#### Records to process
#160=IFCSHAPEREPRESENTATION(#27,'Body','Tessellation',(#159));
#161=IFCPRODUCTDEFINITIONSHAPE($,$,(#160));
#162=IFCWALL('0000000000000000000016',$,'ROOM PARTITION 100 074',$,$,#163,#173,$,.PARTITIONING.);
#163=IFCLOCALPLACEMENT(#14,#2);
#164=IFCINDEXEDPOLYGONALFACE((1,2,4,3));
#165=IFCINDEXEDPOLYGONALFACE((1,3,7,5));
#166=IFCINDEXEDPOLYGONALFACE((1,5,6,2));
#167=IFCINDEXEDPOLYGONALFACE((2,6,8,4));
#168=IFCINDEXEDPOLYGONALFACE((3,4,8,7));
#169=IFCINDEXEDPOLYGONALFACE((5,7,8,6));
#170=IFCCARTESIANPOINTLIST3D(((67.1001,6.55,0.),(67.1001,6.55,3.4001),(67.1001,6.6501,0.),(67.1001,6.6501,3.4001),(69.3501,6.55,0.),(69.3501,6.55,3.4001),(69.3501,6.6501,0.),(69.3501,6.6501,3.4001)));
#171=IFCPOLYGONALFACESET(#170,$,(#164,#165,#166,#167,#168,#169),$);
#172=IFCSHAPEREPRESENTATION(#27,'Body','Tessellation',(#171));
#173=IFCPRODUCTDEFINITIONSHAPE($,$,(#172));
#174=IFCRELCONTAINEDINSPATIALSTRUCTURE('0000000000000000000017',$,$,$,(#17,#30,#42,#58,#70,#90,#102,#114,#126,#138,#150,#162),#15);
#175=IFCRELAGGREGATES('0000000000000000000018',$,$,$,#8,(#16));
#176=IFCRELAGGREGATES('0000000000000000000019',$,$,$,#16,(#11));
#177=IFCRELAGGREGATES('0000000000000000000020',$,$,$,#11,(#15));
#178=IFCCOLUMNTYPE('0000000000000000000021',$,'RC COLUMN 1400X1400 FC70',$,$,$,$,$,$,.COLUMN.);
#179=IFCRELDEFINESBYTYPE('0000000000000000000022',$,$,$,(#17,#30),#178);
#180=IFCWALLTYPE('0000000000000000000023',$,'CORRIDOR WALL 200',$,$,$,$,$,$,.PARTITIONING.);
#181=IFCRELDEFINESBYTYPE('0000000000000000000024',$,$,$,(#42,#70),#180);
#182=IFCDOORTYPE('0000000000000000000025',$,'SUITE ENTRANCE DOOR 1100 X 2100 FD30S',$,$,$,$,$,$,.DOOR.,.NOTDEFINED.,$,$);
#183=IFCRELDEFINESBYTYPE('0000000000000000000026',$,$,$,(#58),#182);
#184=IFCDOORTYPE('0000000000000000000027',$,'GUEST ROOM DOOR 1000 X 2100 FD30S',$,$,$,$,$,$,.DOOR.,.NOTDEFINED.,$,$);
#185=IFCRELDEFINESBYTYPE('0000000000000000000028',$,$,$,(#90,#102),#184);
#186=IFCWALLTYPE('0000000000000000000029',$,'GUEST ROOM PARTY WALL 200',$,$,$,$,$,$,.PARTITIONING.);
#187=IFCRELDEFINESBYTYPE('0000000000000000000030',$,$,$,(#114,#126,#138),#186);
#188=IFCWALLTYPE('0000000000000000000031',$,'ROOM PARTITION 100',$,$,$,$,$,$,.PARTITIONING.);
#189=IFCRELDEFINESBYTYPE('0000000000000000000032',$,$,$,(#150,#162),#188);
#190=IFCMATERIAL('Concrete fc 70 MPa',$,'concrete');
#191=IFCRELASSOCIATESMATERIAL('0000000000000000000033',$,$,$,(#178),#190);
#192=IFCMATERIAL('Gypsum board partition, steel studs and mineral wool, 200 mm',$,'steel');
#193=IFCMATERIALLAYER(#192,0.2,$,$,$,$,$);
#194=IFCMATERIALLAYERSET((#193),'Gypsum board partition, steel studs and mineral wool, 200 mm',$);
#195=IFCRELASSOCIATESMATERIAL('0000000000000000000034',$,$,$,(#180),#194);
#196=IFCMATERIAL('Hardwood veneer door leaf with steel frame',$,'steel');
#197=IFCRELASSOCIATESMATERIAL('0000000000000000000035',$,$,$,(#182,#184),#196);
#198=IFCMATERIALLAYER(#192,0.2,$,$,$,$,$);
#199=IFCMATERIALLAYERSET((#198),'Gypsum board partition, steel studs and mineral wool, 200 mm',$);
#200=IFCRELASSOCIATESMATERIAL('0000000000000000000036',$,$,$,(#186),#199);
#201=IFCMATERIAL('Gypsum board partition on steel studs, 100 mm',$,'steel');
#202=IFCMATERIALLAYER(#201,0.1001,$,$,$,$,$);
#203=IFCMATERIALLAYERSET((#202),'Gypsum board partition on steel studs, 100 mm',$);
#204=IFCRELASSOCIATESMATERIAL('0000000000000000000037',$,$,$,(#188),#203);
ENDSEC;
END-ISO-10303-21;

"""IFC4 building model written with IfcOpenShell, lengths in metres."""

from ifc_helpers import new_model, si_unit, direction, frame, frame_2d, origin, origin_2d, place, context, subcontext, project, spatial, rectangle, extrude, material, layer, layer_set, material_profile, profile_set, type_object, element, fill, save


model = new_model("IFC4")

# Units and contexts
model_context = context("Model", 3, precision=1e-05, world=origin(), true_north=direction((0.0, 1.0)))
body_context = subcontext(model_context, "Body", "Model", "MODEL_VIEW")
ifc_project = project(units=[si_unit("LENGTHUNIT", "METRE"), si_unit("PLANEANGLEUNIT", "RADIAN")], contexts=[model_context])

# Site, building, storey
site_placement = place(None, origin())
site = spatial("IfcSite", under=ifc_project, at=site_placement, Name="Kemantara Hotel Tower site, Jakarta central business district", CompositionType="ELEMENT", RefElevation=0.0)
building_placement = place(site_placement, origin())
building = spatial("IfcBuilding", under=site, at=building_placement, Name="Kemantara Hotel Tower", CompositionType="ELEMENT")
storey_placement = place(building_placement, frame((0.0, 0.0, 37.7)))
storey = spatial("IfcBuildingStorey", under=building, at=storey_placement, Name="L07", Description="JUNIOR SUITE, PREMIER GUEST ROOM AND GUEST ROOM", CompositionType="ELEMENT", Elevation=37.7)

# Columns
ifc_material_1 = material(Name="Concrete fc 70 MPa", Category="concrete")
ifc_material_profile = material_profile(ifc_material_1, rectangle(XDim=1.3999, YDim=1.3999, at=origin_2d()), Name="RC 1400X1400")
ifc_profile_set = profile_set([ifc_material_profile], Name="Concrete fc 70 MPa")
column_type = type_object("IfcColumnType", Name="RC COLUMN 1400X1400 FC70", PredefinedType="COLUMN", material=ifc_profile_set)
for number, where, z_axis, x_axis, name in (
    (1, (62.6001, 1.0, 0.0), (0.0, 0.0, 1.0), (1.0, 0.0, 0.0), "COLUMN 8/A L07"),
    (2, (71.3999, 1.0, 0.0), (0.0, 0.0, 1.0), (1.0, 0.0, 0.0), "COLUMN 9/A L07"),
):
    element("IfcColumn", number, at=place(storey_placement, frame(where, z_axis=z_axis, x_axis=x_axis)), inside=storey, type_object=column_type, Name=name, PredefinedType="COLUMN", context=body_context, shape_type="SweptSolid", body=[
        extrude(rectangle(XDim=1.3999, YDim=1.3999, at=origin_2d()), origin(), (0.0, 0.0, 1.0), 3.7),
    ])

...

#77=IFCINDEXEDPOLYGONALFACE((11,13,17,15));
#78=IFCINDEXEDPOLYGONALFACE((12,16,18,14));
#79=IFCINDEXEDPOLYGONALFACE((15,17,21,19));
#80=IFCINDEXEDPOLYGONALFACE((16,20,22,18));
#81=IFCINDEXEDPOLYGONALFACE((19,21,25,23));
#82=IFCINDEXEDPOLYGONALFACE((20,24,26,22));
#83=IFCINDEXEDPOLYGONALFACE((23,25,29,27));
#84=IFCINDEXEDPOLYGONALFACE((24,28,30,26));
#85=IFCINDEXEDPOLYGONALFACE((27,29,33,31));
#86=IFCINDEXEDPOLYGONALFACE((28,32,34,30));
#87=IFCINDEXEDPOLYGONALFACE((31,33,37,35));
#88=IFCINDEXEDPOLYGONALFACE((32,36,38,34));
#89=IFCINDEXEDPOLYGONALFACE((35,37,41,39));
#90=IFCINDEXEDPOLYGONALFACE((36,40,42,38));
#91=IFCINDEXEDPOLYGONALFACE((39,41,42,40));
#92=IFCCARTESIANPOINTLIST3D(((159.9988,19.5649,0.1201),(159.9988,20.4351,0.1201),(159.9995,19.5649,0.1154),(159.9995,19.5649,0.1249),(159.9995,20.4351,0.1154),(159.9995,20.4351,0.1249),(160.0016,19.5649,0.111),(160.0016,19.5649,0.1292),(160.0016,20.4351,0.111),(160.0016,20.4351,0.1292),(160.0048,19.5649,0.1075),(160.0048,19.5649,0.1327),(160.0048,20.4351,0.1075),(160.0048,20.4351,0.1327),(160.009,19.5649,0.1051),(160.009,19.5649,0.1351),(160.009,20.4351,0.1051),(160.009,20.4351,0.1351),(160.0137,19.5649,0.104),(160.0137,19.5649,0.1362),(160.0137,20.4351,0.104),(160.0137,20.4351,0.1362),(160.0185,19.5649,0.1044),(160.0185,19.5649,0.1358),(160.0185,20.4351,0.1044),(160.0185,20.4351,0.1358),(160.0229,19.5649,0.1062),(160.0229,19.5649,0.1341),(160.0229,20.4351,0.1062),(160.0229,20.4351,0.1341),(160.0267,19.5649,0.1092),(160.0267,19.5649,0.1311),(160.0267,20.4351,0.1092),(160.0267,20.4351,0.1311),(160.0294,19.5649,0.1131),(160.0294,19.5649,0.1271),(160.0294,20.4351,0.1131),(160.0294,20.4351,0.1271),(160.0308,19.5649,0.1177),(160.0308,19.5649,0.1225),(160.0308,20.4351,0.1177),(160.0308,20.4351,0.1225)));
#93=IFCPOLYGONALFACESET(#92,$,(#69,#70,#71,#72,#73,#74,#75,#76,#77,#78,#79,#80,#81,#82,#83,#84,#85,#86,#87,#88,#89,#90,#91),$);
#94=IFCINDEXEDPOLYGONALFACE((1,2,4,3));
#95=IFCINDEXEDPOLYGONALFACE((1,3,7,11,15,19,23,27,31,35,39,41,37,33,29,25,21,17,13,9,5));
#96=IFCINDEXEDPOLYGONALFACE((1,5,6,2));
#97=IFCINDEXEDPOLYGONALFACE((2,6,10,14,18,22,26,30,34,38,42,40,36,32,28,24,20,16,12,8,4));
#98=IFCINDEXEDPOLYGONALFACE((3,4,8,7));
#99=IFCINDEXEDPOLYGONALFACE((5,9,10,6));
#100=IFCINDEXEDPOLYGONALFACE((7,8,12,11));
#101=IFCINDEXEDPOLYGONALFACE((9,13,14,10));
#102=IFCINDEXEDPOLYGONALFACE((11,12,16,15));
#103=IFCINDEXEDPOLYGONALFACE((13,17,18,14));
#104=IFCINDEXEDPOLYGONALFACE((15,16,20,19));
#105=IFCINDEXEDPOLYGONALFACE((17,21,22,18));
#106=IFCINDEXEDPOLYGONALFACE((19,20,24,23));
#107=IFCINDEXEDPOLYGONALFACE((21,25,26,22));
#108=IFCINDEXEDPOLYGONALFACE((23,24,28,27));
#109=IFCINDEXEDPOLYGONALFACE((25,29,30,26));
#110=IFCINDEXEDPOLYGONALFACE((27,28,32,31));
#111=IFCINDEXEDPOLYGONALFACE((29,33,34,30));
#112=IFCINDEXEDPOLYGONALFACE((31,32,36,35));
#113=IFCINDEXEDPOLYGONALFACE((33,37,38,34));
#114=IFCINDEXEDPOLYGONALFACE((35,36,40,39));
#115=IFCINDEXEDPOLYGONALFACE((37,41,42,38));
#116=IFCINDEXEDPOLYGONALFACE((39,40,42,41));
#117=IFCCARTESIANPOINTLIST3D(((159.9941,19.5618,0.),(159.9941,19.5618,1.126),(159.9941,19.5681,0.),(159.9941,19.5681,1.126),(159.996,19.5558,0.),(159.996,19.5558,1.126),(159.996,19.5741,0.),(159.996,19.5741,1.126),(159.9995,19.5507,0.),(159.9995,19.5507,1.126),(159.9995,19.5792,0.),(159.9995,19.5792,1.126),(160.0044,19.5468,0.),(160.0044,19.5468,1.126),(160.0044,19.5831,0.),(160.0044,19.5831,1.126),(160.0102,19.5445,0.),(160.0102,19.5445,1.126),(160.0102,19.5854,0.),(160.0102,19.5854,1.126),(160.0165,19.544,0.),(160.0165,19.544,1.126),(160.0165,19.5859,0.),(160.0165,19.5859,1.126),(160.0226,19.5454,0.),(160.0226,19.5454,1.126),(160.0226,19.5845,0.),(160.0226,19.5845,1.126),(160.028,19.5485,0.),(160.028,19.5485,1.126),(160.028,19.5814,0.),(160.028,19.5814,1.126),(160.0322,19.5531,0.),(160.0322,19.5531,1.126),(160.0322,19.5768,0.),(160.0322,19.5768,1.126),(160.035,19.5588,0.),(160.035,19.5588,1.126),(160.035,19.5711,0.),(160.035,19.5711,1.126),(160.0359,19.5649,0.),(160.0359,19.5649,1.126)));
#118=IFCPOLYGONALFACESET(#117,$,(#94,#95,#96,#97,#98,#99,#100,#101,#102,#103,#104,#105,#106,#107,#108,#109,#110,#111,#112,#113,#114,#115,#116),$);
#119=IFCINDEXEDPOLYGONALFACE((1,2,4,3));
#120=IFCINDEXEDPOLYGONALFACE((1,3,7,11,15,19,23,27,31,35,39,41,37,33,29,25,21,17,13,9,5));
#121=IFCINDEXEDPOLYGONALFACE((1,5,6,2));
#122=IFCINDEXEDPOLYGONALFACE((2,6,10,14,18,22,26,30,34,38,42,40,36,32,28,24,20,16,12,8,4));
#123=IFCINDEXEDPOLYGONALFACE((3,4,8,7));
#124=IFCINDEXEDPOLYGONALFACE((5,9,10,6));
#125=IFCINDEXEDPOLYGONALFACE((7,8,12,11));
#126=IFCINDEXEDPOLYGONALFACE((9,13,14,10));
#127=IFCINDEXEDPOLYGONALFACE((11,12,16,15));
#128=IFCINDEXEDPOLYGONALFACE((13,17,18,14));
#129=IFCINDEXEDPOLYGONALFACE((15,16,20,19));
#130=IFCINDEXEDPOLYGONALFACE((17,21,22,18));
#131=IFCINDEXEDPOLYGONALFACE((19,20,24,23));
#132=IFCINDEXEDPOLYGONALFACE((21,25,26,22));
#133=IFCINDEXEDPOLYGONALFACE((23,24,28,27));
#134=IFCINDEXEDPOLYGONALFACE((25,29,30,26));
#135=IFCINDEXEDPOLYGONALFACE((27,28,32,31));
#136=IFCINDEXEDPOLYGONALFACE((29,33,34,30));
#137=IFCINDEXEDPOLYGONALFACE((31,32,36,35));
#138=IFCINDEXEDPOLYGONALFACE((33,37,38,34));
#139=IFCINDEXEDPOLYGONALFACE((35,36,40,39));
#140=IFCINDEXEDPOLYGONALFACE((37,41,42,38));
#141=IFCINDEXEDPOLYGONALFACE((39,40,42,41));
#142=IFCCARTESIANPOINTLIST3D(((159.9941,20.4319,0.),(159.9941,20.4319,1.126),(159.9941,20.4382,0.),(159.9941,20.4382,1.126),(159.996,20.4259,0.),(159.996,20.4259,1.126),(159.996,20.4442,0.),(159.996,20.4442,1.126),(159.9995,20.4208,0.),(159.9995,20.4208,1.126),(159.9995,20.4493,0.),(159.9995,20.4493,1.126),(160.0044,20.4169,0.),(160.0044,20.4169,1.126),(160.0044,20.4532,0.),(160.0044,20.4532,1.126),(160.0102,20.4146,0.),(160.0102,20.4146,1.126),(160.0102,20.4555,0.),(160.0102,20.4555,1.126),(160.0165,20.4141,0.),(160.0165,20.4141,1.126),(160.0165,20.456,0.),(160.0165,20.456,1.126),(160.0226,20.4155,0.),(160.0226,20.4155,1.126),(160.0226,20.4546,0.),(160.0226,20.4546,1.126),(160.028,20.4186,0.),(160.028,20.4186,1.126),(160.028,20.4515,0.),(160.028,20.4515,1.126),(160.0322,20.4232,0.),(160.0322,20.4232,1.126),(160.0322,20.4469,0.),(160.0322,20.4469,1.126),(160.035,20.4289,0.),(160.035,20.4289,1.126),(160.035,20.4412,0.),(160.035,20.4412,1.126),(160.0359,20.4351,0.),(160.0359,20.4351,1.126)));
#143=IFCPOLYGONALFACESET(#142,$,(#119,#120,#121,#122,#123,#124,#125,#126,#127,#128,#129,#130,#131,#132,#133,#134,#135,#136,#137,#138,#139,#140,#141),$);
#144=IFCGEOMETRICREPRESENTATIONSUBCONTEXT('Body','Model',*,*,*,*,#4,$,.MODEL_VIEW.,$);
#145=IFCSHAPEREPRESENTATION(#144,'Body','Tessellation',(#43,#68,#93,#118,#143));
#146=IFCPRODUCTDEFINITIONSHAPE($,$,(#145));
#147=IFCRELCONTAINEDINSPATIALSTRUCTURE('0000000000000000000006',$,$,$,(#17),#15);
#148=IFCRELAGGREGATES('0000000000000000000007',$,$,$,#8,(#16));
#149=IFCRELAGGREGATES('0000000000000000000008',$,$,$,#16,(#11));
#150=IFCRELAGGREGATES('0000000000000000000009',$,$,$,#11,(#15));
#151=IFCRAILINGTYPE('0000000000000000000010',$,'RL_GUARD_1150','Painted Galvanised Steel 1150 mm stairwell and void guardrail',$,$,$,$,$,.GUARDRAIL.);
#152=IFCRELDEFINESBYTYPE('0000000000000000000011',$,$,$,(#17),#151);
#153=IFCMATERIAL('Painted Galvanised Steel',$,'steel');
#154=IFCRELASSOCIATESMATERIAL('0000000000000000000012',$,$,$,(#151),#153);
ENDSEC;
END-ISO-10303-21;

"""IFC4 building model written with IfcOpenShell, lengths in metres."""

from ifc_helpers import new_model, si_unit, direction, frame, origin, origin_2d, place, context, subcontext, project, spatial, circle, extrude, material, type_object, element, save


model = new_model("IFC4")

#### Exercise description
Everything from the line containing "#88=IFCINDEXEDPOLYGONALFACE((32,36,38,34));" through the line containing "#91=IFCINDEXEDPOLYGONALFACE((39,41,42,40));" in the material above should be retyped exactly, both ends included, and nothing more.

#### Output for this exercise
#88=IFCINDEXEDPOLYGONALFACE((32,36,38,34));
#89=IFCINDEXEDPOLYGONALFACE((35,37,41,39));
#90=IFCINDEXEDPOLYGONALFACE((36,40,42,38));
#91=IFCINDEXEDPOLYGONALFACE((39,41,42,40));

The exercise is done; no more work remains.